» **What the task requires**
Count the lines in the records below that contain the word "BEAM", and give only that count.

[[ Source information, beginning ]]

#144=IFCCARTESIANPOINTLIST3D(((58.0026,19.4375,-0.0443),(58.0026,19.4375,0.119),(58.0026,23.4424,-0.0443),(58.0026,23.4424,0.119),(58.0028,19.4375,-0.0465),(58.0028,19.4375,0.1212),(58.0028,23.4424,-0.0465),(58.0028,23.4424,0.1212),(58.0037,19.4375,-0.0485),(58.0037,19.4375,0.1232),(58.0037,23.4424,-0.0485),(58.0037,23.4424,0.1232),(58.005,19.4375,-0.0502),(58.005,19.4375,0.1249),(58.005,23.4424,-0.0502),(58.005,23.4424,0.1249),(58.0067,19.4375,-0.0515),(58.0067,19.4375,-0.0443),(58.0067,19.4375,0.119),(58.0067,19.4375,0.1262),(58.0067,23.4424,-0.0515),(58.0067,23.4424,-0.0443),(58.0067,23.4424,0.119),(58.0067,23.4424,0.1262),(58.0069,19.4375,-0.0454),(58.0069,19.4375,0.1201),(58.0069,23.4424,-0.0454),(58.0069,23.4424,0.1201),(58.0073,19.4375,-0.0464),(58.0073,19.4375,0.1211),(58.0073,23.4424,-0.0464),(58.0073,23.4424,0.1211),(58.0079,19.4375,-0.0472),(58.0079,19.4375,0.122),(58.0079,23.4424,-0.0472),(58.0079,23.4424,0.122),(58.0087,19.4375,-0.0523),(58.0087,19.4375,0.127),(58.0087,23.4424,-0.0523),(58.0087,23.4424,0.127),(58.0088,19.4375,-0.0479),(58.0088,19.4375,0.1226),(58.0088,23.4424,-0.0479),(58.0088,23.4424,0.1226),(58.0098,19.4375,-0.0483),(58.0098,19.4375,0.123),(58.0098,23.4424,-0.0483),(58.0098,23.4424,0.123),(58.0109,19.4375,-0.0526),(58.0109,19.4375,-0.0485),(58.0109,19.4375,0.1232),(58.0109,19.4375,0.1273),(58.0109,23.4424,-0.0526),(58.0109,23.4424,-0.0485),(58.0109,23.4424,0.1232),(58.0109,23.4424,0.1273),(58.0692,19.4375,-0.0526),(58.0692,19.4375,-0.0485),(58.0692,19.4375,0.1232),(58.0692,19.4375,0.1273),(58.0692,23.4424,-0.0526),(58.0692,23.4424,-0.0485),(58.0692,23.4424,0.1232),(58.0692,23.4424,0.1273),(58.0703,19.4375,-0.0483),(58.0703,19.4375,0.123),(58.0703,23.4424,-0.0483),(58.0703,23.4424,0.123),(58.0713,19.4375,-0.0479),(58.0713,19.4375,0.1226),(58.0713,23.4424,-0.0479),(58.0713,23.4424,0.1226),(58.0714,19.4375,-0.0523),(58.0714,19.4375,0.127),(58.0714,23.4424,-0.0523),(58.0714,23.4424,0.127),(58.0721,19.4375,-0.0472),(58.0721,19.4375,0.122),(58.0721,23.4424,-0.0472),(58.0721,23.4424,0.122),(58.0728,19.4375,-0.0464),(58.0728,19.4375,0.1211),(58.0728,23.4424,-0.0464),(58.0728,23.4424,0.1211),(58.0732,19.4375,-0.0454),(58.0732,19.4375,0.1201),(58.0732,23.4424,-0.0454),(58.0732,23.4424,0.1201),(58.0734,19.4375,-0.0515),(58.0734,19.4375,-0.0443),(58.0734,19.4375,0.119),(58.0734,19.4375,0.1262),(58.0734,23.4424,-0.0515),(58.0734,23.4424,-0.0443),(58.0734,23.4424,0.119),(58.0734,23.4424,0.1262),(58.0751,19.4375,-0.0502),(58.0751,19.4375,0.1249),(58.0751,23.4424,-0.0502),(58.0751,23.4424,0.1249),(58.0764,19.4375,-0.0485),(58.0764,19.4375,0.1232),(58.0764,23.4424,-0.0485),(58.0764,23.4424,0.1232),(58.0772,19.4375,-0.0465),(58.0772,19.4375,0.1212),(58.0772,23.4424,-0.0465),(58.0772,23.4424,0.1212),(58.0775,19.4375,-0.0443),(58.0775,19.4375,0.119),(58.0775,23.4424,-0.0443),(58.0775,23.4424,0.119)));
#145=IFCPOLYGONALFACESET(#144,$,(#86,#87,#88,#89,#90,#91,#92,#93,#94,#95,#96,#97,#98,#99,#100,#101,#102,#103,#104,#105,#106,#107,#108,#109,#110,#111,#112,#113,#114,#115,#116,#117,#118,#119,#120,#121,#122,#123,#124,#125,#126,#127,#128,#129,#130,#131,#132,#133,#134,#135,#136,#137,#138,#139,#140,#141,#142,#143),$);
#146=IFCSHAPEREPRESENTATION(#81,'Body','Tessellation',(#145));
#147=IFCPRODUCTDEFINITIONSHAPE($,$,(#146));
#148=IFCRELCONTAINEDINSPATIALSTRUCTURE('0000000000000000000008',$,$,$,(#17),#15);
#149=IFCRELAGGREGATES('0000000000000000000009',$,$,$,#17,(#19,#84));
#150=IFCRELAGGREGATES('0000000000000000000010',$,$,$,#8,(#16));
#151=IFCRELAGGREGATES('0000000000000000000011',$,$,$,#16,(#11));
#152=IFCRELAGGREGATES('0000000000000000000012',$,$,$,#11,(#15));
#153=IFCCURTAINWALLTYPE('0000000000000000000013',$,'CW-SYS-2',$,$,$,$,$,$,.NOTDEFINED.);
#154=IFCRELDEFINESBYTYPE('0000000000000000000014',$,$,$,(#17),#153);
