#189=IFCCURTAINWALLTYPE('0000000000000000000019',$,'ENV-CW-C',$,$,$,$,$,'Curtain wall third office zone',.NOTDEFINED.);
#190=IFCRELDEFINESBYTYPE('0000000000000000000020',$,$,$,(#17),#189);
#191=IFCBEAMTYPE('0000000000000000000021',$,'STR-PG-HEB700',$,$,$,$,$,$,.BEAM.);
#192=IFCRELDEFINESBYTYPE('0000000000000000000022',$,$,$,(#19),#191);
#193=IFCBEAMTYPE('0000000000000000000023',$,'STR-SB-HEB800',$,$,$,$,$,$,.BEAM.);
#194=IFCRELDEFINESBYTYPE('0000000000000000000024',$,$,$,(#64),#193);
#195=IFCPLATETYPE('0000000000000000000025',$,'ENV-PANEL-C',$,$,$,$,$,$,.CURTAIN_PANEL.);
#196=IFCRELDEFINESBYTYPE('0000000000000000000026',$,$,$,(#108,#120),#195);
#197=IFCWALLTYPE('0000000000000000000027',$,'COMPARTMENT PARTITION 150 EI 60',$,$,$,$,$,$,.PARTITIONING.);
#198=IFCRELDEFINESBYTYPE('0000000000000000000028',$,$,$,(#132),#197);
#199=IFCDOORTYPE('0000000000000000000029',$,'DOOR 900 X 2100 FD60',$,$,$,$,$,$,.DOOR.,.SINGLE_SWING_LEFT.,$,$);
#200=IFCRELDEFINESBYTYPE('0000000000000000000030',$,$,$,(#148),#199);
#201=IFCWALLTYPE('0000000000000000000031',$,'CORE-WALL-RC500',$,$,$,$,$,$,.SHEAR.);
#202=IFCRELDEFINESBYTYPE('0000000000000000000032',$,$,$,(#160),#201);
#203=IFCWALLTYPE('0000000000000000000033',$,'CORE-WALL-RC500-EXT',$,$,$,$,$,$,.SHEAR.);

[[ Source information, end ]]

» **Solution to the exercise**
2